(Items from a dataset)
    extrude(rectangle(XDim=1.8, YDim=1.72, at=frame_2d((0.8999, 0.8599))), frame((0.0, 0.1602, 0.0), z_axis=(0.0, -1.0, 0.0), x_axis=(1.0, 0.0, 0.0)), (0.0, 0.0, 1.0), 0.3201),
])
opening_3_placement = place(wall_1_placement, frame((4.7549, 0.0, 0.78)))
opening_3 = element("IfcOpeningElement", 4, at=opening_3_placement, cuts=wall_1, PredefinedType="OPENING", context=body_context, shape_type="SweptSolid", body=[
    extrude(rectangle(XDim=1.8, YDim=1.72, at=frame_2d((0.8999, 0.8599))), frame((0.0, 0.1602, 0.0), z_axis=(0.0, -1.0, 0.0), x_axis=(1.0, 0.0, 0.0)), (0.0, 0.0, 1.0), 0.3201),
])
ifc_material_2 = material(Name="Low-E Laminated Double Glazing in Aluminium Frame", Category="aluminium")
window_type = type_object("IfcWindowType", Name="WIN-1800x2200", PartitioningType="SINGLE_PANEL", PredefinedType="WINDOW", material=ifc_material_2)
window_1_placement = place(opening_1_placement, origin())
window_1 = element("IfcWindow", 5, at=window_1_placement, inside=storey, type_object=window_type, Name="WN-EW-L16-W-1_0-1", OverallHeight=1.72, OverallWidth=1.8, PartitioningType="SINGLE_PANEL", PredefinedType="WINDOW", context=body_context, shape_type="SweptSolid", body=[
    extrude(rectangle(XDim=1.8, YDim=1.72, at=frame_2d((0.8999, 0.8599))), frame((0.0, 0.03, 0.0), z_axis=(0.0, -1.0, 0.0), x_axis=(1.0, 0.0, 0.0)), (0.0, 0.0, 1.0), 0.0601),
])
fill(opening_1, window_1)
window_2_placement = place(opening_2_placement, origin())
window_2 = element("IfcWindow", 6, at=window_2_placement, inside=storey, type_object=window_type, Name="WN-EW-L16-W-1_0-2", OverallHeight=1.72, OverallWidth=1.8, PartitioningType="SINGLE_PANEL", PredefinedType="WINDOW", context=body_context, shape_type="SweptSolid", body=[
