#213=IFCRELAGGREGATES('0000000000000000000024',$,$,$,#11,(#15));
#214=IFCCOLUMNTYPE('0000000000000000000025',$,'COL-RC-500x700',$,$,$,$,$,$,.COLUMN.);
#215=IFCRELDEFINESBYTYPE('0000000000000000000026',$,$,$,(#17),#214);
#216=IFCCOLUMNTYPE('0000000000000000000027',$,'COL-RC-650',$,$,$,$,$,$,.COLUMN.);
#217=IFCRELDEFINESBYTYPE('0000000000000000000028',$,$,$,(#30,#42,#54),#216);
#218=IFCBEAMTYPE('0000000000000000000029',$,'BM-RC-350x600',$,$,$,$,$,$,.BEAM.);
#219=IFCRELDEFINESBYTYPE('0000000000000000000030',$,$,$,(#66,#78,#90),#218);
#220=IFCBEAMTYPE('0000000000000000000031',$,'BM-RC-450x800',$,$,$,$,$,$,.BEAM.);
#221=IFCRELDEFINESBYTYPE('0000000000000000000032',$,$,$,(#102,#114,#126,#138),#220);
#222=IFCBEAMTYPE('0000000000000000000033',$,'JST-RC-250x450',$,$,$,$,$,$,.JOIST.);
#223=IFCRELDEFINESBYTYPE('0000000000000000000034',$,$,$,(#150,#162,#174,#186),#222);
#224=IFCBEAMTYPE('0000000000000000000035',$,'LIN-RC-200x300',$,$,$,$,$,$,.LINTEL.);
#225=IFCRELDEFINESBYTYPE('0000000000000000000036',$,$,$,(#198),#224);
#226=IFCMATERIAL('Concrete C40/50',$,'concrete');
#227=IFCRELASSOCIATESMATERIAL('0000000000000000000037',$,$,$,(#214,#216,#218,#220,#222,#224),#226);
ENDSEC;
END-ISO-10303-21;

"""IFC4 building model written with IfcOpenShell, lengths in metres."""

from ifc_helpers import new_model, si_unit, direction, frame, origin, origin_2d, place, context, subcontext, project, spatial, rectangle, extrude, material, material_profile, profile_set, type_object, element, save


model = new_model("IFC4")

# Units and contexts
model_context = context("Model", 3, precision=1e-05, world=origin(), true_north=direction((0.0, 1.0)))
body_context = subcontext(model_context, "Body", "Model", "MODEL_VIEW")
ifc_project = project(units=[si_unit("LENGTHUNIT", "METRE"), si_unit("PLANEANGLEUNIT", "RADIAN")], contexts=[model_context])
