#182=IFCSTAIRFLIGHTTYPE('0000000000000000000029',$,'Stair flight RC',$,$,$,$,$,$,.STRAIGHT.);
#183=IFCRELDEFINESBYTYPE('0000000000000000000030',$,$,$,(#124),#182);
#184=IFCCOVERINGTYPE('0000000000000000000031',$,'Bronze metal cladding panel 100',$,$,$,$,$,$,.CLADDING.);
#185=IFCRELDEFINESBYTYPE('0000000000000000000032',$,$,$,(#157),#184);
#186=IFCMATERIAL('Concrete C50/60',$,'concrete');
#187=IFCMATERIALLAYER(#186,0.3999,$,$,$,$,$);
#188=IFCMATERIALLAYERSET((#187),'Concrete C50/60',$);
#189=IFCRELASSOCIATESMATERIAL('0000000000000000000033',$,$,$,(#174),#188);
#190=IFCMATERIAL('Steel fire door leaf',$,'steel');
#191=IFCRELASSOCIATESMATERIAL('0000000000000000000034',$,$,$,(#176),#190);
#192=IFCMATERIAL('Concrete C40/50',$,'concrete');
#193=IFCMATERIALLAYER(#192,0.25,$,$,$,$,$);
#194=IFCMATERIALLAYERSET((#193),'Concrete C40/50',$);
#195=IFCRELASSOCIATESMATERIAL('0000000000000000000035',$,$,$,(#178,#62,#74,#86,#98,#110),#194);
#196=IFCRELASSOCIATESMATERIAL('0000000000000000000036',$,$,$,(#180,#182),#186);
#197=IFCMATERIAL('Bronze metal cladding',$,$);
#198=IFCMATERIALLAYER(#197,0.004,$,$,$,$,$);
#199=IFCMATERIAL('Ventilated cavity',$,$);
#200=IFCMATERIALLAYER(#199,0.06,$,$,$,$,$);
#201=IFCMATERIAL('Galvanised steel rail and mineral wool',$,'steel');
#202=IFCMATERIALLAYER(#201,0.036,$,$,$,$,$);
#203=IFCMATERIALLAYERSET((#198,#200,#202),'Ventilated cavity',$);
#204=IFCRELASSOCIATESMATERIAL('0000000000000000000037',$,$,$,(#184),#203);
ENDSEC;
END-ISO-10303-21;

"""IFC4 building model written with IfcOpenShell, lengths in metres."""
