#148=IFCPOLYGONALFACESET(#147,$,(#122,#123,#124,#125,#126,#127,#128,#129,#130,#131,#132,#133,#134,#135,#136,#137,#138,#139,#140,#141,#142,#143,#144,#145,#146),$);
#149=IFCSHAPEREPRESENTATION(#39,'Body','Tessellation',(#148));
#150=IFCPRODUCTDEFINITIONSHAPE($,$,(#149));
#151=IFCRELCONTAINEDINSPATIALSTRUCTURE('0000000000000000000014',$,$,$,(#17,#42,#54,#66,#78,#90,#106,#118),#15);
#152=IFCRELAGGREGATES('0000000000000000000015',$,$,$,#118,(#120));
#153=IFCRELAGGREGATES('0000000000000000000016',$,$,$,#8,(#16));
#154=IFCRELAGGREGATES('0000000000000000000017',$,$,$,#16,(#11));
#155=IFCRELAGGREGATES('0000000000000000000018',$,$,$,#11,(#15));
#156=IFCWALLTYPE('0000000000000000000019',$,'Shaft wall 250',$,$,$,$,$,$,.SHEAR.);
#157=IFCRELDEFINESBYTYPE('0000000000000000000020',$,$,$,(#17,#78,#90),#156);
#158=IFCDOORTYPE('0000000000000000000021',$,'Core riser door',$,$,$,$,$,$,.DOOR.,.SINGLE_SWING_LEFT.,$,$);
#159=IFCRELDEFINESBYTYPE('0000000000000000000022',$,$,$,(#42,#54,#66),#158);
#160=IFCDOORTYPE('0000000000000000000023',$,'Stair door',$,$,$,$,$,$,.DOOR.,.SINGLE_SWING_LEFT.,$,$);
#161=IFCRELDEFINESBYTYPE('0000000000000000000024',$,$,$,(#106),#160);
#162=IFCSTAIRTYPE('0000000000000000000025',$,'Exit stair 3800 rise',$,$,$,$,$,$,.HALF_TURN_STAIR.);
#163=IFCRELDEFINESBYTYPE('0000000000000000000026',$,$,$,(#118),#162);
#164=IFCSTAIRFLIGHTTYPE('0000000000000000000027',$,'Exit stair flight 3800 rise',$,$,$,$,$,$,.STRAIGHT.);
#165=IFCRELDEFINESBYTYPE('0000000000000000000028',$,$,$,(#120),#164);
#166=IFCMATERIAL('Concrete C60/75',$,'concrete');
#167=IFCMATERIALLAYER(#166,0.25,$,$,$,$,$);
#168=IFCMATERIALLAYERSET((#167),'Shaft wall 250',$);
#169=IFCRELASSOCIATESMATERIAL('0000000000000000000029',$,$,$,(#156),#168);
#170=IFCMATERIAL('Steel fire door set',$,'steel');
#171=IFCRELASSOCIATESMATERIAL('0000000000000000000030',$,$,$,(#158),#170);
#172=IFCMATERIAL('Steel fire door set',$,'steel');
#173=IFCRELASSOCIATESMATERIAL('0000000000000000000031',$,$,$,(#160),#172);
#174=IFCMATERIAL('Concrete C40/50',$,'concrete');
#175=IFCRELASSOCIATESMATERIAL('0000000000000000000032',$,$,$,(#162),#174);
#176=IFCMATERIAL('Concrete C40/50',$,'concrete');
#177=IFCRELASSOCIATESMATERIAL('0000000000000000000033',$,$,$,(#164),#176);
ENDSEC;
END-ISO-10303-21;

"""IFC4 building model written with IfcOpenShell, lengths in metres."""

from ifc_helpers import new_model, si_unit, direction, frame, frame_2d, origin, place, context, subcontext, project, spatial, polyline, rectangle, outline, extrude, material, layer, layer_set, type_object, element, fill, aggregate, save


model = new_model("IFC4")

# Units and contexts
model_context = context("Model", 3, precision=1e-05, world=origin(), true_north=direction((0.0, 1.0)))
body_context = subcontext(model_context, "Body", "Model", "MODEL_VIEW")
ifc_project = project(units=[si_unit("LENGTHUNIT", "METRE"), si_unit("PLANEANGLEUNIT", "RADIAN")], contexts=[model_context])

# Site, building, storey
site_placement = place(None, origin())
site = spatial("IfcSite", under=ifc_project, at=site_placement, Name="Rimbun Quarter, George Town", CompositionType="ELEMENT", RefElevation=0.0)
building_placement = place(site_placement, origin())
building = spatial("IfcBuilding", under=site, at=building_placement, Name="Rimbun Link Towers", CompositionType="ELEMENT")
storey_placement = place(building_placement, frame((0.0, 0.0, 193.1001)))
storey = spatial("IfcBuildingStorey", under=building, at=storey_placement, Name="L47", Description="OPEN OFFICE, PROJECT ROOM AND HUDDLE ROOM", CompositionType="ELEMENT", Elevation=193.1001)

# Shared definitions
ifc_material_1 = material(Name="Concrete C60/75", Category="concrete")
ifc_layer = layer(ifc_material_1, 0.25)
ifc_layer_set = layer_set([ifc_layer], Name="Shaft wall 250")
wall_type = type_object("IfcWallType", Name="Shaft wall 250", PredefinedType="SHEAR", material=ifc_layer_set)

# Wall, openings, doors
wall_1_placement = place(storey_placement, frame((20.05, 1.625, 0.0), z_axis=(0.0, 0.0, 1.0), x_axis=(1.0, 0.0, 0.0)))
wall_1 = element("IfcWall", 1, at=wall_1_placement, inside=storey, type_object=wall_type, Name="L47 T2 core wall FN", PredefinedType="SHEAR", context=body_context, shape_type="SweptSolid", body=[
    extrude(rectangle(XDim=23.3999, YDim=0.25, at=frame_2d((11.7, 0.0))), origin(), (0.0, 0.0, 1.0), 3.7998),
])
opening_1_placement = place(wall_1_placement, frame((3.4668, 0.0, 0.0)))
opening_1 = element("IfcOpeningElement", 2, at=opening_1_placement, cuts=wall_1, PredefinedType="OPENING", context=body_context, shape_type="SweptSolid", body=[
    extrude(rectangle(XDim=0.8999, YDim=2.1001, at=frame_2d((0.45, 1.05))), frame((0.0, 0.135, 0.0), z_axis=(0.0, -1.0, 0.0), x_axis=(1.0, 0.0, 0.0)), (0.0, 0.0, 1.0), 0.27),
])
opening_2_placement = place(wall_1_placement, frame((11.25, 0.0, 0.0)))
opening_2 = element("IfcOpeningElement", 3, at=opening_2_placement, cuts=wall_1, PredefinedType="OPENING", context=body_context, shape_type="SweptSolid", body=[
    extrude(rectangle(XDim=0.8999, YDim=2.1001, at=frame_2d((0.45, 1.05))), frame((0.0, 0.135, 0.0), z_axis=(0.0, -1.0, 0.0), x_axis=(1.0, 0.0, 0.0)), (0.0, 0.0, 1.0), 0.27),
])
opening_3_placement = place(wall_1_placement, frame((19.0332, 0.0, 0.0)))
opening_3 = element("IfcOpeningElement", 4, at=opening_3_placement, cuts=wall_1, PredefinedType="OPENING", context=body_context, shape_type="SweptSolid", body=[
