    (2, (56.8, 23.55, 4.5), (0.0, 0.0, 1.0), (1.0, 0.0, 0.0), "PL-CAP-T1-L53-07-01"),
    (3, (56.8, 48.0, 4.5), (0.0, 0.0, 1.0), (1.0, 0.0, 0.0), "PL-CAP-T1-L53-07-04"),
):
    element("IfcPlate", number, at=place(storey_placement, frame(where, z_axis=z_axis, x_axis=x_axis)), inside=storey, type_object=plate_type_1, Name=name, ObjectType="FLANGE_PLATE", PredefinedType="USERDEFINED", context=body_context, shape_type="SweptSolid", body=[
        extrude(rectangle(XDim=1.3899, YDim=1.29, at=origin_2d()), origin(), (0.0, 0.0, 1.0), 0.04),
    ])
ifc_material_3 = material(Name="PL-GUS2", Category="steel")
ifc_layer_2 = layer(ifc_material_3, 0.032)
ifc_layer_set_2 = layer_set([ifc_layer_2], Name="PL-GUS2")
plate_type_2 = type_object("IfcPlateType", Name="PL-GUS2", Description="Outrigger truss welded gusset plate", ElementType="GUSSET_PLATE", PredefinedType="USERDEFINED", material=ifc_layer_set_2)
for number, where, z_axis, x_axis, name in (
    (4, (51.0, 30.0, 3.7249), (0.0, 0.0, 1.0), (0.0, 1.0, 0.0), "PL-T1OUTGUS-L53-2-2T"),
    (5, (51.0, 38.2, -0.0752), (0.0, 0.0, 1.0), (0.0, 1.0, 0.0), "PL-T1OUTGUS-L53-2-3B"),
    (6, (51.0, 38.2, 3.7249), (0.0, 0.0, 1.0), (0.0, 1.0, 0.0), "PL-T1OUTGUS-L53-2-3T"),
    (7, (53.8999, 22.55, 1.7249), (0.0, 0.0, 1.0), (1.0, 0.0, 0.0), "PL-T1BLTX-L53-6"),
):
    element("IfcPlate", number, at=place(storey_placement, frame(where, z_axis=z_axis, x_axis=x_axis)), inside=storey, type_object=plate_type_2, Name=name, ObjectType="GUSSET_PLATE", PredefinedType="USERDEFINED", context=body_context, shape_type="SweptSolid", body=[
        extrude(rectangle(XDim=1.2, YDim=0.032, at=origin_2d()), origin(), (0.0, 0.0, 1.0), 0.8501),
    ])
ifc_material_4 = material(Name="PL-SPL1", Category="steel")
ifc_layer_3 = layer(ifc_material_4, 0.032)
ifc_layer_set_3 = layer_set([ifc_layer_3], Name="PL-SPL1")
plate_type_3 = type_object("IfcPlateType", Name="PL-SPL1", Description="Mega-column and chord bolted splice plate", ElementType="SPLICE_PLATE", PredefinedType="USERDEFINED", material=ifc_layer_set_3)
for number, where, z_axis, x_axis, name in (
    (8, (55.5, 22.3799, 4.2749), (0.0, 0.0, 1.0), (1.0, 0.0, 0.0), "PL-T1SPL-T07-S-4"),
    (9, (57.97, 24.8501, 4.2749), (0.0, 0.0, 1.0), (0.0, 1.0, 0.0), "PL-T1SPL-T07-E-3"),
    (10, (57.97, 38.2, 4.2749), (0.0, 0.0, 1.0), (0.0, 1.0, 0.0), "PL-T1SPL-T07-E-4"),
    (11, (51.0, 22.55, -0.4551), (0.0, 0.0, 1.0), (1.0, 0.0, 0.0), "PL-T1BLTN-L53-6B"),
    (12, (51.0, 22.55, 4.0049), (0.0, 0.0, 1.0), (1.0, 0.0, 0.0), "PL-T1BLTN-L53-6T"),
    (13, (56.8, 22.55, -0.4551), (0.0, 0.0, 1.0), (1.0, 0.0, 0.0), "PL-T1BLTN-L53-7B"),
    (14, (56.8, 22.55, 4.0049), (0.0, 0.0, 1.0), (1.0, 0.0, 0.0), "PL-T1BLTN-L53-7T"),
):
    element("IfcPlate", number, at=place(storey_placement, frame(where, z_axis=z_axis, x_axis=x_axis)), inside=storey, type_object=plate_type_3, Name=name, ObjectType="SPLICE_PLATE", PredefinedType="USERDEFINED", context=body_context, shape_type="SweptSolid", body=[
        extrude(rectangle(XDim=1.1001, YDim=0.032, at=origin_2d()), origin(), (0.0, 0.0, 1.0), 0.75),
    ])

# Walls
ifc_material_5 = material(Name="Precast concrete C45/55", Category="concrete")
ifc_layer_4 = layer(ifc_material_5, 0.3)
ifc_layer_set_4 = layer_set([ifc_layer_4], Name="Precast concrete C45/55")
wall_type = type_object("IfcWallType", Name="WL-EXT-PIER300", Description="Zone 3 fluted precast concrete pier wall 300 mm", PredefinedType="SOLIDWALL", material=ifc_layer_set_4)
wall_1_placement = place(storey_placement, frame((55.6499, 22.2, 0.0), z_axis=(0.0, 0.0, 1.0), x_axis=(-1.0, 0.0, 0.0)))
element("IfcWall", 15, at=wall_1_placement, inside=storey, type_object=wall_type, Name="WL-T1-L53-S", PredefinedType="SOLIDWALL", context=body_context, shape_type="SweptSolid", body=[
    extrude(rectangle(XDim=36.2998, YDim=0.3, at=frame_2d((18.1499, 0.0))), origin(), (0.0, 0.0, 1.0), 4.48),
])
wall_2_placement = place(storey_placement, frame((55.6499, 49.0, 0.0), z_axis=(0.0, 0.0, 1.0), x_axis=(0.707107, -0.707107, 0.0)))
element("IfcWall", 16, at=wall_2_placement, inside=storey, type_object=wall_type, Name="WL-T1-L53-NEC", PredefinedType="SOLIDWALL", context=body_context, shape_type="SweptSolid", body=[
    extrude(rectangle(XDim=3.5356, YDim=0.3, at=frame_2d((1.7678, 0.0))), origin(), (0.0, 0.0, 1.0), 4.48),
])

WHAT TO WORK ON: As you read the records above, find each line that contains "IFCBEAMTYPE" and copy it.

TASK RESPONSE:
#218=IFCBEAMTYPE('0000000000000000000029',$,'BM-RC-350x600',$,$,$,$,$,$,.BEAM.);
#220=IFCBEAMTYPE('0000000000000000000031',$,'BM-RC-450x800',$,$,$,$,$,$,.BEAM.);
#222=IFCBEAMTYPE('0000000000000000000033',$,'JST-RC-250x450',$,$,$,$,$,$,.JOIST.);
#224=IFCBEAMTYPE('0000000000000000000035',$,'LIN-RC-200x300',$,$,$,$,$,$,.LINTEL.);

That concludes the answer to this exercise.